TASK DATA section start

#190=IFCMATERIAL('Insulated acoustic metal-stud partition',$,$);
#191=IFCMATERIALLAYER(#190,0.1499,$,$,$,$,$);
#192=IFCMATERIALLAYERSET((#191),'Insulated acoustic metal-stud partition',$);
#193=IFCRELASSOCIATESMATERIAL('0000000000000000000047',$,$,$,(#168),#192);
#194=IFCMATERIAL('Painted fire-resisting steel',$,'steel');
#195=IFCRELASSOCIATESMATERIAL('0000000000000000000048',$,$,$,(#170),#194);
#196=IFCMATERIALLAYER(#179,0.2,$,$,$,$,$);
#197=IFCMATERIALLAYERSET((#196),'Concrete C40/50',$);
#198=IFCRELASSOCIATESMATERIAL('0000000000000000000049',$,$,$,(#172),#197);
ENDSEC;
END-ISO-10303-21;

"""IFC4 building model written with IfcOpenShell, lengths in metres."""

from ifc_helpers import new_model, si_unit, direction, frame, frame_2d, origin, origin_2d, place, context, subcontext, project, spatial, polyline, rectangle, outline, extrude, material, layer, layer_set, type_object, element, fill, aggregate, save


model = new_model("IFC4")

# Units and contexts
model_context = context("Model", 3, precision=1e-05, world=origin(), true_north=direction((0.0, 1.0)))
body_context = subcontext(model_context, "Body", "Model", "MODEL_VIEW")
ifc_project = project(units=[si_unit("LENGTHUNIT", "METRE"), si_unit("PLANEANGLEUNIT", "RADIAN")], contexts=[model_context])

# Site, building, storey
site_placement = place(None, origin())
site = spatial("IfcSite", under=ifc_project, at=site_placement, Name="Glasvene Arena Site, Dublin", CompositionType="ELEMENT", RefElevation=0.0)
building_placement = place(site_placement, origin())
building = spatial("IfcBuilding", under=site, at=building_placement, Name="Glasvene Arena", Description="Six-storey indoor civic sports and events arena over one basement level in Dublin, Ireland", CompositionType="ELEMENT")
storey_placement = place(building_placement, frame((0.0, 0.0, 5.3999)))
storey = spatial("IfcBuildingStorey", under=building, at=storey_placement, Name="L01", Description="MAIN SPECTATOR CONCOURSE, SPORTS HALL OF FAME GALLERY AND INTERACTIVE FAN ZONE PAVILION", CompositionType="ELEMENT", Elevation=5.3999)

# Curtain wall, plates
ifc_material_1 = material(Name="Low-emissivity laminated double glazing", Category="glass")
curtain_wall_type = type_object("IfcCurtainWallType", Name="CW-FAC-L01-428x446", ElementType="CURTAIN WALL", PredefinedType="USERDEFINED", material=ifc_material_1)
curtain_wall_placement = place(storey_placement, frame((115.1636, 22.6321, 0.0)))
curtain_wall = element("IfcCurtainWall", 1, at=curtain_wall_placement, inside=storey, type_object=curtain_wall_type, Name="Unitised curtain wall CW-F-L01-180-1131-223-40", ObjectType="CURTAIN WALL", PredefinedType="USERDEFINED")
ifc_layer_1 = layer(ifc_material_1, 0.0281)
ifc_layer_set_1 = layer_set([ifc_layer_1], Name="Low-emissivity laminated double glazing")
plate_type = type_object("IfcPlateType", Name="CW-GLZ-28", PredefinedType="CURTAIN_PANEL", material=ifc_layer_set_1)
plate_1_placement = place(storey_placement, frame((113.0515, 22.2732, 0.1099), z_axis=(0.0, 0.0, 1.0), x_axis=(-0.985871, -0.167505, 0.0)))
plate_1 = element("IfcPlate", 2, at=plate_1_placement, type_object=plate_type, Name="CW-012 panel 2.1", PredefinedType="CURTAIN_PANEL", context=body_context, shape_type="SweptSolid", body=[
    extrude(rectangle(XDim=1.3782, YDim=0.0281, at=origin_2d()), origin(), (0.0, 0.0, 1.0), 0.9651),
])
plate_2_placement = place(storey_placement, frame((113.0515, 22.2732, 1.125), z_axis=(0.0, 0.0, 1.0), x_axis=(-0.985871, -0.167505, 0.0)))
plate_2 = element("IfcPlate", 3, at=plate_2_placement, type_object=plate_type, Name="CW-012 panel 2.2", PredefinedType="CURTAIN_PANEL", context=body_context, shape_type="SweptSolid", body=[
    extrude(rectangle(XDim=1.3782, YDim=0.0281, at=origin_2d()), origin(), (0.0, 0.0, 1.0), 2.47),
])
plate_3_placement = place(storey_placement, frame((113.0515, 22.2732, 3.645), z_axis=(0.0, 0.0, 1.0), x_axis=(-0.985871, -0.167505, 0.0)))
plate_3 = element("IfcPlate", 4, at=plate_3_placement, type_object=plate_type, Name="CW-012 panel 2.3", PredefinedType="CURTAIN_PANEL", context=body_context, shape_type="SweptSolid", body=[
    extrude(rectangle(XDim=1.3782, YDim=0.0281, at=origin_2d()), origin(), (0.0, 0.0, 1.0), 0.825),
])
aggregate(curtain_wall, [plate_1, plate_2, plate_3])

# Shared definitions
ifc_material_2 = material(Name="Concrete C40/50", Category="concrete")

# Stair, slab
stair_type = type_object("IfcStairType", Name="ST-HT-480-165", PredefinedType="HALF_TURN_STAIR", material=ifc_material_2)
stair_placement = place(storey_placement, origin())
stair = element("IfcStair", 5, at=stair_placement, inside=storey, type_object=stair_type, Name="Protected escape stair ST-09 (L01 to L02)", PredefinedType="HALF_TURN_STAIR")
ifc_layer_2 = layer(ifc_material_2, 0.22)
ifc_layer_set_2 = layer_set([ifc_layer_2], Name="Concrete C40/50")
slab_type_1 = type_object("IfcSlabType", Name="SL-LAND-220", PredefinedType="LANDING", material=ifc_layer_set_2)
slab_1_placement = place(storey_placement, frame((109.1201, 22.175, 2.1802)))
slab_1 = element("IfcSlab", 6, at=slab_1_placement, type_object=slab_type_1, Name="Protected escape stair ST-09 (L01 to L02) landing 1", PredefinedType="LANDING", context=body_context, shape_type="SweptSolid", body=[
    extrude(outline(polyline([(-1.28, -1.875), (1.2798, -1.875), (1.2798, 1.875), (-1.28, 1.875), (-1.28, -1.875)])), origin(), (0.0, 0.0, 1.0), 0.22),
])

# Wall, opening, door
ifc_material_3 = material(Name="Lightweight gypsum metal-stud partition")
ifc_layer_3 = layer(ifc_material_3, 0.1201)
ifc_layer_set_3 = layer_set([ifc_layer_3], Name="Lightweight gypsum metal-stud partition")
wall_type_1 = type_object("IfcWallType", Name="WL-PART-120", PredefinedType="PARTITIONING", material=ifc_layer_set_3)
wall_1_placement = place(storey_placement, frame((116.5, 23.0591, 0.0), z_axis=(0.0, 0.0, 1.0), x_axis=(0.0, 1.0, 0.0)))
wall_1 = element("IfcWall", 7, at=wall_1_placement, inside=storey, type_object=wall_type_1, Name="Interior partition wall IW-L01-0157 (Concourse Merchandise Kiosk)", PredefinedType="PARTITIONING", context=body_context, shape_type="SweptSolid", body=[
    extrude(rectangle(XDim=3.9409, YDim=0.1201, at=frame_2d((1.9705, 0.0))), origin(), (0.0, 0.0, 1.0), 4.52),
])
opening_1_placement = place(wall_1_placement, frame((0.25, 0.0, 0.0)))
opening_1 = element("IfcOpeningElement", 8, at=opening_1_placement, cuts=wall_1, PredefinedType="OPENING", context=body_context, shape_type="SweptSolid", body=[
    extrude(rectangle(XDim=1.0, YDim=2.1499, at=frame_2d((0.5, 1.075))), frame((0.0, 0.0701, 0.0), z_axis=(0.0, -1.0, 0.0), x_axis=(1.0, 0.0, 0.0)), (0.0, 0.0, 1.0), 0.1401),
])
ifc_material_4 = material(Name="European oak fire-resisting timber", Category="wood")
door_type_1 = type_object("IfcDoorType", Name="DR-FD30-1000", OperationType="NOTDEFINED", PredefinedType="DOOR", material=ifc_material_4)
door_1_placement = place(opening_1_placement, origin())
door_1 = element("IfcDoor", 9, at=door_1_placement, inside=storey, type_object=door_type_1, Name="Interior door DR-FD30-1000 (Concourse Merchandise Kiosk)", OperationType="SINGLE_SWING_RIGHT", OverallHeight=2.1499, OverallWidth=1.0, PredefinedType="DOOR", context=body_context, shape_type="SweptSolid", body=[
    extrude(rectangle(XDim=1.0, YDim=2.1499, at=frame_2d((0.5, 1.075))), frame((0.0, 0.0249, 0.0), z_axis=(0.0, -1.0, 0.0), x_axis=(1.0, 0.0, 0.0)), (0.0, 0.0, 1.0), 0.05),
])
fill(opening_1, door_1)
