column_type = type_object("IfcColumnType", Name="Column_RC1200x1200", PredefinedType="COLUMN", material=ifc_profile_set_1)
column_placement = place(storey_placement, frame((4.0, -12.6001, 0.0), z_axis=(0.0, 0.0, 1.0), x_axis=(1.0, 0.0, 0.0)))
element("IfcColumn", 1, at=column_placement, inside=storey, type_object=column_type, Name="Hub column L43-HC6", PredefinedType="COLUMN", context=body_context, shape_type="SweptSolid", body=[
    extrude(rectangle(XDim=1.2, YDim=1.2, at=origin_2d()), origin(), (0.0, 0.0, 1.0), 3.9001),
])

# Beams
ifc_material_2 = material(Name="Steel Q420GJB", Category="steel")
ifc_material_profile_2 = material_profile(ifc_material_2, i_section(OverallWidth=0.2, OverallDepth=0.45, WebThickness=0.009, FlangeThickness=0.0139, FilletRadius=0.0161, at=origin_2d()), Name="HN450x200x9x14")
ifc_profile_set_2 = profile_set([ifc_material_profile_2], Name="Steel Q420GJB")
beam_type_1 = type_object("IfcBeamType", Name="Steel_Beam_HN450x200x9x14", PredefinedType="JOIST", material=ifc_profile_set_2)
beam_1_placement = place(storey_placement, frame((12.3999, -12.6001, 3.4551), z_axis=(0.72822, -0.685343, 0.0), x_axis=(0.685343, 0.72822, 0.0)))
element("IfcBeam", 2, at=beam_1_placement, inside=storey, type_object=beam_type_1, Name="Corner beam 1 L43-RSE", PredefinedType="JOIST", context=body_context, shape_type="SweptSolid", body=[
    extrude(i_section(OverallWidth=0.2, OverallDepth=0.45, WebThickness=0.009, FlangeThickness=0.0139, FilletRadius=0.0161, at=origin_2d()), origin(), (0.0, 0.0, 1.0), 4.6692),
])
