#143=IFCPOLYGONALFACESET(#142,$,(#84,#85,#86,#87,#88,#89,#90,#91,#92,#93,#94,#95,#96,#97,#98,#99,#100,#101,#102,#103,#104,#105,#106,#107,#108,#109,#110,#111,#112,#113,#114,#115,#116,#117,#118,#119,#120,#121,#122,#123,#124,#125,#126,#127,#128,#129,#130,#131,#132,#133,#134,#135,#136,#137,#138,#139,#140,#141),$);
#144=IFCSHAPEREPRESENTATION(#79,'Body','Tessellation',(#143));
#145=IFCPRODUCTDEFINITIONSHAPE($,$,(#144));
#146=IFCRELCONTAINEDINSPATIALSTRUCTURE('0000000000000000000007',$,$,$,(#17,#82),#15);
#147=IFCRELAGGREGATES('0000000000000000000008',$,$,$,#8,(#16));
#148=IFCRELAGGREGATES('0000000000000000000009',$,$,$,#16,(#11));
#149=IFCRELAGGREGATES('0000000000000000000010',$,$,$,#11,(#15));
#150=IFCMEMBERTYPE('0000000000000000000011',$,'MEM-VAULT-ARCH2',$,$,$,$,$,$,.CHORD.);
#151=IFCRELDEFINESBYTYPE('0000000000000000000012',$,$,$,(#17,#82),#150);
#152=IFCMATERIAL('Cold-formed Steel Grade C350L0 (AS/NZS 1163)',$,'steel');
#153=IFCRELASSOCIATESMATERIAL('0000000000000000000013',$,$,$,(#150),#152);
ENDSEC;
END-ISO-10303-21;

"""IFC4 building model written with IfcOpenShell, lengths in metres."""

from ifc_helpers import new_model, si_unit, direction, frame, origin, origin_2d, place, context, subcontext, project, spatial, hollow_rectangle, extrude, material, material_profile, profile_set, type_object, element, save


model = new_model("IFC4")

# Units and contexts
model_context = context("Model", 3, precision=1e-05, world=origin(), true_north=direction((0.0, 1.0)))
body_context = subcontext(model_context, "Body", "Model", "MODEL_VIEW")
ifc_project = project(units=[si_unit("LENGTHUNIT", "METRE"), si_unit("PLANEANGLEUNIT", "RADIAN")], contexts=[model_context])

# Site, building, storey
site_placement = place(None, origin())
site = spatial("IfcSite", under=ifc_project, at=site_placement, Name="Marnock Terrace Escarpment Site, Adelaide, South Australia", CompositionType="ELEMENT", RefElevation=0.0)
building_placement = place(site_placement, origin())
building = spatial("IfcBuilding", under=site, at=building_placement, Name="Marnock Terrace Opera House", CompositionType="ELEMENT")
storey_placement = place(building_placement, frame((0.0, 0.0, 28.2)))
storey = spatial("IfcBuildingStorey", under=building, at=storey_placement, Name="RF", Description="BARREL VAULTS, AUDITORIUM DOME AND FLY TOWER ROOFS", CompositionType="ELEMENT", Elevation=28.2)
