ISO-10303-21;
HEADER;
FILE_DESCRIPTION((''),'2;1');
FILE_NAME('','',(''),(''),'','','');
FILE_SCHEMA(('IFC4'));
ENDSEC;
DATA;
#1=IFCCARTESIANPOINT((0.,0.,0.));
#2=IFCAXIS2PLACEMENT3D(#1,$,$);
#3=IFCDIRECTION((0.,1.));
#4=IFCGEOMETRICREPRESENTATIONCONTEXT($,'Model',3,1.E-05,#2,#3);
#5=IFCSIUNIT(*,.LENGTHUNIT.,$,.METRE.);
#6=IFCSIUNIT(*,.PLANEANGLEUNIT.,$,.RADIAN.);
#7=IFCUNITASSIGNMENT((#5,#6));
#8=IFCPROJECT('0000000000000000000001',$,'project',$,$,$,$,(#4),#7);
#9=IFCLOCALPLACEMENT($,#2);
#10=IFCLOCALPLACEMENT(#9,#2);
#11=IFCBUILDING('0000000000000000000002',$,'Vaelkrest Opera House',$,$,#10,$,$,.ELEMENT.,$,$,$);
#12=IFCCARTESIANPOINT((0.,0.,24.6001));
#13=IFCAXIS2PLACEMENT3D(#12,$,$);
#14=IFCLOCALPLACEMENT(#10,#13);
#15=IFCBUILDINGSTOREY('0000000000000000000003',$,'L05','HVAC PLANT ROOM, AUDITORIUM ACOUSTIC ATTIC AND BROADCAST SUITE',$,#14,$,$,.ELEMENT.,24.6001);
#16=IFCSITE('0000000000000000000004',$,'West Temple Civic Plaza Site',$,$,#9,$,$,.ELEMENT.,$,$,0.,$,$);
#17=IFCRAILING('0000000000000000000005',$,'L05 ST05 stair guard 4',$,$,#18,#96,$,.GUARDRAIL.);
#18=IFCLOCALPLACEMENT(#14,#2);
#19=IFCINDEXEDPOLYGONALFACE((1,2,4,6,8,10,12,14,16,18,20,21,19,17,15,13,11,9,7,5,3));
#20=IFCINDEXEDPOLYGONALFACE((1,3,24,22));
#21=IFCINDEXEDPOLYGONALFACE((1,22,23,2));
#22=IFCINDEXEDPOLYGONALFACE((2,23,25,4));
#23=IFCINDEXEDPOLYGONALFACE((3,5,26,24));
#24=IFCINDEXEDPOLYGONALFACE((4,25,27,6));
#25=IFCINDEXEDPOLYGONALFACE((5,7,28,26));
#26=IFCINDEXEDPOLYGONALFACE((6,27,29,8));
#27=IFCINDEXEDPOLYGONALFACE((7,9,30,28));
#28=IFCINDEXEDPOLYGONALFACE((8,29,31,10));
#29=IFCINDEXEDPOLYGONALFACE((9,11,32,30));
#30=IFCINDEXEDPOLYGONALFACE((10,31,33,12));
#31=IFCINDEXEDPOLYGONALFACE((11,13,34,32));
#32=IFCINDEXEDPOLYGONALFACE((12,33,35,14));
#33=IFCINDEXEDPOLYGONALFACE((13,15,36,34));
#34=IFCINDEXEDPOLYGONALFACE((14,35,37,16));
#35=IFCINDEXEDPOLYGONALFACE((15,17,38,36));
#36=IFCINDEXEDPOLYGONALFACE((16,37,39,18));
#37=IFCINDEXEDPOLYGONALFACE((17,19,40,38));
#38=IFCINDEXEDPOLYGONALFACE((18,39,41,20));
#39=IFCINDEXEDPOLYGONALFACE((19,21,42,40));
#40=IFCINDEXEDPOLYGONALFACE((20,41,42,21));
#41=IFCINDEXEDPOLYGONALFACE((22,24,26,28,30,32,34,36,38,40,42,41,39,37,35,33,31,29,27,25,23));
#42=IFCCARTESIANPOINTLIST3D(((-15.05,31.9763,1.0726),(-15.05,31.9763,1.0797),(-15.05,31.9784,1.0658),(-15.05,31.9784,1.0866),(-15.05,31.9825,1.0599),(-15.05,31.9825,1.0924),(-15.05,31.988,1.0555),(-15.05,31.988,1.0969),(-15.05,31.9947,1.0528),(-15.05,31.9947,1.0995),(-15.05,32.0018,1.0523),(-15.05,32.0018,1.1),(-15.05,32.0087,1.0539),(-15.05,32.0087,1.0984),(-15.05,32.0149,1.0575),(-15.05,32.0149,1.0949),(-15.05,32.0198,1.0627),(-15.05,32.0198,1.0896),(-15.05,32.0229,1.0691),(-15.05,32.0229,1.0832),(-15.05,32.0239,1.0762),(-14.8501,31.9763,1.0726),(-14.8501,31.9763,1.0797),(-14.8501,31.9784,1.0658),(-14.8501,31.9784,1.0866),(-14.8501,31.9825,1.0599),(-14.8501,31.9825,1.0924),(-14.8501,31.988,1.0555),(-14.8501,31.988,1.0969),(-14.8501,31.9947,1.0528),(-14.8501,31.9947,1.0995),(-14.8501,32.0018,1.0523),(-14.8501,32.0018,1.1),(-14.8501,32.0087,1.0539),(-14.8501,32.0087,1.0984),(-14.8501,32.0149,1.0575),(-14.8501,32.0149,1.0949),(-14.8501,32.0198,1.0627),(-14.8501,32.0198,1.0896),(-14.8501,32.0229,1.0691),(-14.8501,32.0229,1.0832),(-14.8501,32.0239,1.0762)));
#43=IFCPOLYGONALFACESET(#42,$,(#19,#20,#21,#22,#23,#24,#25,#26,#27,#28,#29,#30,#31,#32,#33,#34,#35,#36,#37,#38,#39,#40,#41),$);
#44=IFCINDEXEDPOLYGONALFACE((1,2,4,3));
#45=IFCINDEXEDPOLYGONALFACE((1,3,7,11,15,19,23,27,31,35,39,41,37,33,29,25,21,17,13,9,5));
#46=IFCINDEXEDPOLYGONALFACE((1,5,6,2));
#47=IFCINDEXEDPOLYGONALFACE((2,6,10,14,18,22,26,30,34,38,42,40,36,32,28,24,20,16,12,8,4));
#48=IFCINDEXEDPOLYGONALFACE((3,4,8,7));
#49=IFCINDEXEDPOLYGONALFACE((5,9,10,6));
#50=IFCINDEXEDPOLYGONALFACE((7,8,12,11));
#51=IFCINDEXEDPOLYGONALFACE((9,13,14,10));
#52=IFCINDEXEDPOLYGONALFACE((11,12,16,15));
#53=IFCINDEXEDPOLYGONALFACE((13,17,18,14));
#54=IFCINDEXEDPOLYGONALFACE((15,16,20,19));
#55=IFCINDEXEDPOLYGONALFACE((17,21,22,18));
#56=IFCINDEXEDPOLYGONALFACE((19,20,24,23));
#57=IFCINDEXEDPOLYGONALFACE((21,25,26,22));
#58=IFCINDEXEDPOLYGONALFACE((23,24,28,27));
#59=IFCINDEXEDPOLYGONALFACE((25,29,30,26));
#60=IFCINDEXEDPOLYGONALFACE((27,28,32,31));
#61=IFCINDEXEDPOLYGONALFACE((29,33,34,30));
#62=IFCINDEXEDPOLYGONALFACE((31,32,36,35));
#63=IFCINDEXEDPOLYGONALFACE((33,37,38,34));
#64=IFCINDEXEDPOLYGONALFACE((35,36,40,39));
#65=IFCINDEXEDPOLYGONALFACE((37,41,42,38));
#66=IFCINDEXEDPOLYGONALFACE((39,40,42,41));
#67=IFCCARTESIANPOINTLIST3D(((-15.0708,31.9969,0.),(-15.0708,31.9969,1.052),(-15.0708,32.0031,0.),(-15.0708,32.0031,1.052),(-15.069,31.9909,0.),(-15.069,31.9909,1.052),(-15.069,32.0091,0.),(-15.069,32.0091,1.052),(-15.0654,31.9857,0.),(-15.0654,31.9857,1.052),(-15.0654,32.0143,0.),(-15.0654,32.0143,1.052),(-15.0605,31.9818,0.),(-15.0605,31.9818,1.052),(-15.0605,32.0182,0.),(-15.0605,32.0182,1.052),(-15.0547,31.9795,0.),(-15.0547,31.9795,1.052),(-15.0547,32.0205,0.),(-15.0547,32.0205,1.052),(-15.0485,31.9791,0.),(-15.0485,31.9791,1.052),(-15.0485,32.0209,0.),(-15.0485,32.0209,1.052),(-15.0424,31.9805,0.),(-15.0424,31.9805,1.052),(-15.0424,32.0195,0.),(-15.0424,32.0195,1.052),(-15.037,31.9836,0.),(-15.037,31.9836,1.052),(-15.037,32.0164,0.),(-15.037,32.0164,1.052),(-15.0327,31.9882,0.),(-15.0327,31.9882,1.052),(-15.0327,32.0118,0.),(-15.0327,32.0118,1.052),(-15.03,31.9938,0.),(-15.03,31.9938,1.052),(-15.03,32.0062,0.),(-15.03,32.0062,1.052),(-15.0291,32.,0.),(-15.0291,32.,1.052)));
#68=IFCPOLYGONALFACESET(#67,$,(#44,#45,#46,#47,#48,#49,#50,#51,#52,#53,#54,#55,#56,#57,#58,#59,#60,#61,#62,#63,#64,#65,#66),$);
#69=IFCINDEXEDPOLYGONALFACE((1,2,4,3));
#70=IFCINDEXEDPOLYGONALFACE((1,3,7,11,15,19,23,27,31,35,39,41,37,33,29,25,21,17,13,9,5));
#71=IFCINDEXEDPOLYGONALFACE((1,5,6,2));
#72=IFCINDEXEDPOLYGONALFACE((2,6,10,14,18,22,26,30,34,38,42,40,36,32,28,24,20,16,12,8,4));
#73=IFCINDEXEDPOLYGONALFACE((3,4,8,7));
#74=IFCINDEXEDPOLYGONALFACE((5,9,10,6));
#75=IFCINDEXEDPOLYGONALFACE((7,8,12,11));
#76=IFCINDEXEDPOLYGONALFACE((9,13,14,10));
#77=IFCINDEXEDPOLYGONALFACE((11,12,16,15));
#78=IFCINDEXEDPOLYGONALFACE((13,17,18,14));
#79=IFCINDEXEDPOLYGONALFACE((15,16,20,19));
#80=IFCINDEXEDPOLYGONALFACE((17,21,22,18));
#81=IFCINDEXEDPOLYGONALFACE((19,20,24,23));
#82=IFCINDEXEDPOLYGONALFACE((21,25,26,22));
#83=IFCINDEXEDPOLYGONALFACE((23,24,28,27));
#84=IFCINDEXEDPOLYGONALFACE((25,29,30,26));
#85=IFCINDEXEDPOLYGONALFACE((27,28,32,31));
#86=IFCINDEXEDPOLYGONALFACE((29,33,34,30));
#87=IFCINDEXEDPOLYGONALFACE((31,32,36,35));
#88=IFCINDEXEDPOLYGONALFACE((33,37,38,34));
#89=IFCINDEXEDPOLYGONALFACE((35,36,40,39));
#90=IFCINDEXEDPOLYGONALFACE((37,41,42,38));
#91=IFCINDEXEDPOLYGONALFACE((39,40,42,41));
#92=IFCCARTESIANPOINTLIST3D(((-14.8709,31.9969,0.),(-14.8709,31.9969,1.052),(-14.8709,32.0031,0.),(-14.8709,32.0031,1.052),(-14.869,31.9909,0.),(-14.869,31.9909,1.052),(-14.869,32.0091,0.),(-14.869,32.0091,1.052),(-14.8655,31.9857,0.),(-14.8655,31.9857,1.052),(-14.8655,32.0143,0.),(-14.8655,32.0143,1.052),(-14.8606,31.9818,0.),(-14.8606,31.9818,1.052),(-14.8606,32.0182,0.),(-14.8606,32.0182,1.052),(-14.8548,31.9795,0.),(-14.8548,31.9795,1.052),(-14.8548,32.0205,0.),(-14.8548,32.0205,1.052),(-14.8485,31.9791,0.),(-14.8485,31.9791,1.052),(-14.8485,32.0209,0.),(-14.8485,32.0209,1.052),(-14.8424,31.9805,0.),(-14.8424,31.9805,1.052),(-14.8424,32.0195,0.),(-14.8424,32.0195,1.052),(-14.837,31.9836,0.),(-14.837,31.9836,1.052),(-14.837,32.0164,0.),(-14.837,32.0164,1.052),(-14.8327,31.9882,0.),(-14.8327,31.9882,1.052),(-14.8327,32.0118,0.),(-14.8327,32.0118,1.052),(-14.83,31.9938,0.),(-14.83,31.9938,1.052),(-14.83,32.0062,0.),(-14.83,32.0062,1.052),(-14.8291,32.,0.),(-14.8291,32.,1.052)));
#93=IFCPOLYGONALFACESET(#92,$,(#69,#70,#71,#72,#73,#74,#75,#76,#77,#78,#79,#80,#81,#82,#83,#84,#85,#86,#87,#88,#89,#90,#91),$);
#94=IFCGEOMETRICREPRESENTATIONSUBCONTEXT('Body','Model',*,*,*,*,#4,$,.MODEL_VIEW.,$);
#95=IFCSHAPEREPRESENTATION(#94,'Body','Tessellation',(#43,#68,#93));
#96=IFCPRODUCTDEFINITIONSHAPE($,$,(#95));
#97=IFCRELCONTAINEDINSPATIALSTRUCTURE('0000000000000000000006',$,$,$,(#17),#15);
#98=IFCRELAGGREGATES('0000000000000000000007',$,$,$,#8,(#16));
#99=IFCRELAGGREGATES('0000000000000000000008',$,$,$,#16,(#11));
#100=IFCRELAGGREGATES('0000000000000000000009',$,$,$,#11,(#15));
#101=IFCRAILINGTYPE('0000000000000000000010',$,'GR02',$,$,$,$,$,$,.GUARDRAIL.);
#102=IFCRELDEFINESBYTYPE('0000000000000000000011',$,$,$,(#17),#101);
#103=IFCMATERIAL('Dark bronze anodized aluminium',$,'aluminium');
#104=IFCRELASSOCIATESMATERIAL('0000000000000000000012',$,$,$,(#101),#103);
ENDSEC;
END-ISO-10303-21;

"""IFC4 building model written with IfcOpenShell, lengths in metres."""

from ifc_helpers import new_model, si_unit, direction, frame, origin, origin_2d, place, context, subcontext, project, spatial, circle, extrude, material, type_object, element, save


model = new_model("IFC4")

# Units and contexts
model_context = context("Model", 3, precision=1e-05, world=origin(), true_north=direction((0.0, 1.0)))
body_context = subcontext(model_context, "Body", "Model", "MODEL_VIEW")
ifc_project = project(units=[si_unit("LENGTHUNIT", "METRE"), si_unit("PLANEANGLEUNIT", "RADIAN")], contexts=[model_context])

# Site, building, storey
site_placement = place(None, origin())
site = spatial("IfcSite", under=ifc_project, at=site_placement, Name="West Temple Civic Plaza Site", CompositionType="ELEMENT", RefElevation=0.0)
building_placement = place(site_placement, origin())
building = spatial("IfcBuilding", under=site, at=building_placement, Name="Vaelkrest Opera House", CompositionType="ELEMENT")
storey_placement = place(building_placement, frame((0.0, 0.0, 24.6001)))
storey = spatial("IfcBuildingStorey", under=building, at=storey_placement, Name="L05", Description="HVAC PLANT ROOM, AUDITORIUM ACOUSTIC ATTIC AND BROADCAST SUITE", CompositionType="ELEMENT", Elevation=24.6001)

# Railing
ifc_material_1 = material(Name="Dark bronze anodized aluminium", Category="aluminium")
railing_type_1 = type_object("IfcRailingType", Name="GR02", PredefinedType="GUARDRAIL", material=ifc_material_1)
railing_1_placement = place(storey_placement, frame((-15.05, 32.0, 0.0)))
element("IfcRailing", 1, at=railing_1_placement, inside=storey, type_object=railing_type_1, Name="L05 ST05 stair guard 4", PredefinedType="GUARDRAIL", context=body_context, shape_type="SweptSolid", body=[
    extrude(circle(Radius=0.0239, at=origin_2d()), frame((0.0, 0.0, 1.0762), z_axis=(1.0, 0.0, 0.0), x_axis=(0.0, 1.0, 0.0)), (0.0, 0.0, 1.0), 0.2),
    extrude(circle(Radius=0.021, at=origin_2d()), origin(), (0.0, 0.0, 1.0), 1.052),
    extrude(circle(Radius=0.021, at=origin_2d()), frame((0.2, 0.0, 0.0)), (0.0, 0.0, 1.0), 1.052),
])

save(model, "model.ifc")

TASK DATA section end

■ **WHAT TO WORK ON**
Please give an exact restatement of only the lines from the beginning of the material above to the line with "#194=IFCMATERIAL('Painted fire-resisting steel',$,'steel');", inclusive.

■ **FINISHED EXERCISE**
#190=IFCMATERIAL('Insulated acoustic metal-stud partition',$,$);
#191=IFCMATERIALLAYER(#190,0.1499,$,$,$,$,$);
#192=IFCMATERIALLAYERSET((#191),'Insulated acoustic metal-stud partition',$);
#193=IFCRELASSOCIATESMATERIAL('0000000000000000000047',$,$,$,(#168),#192);
#194=IFCMATERIAL('Painted fire-resisting steel',$,'steel');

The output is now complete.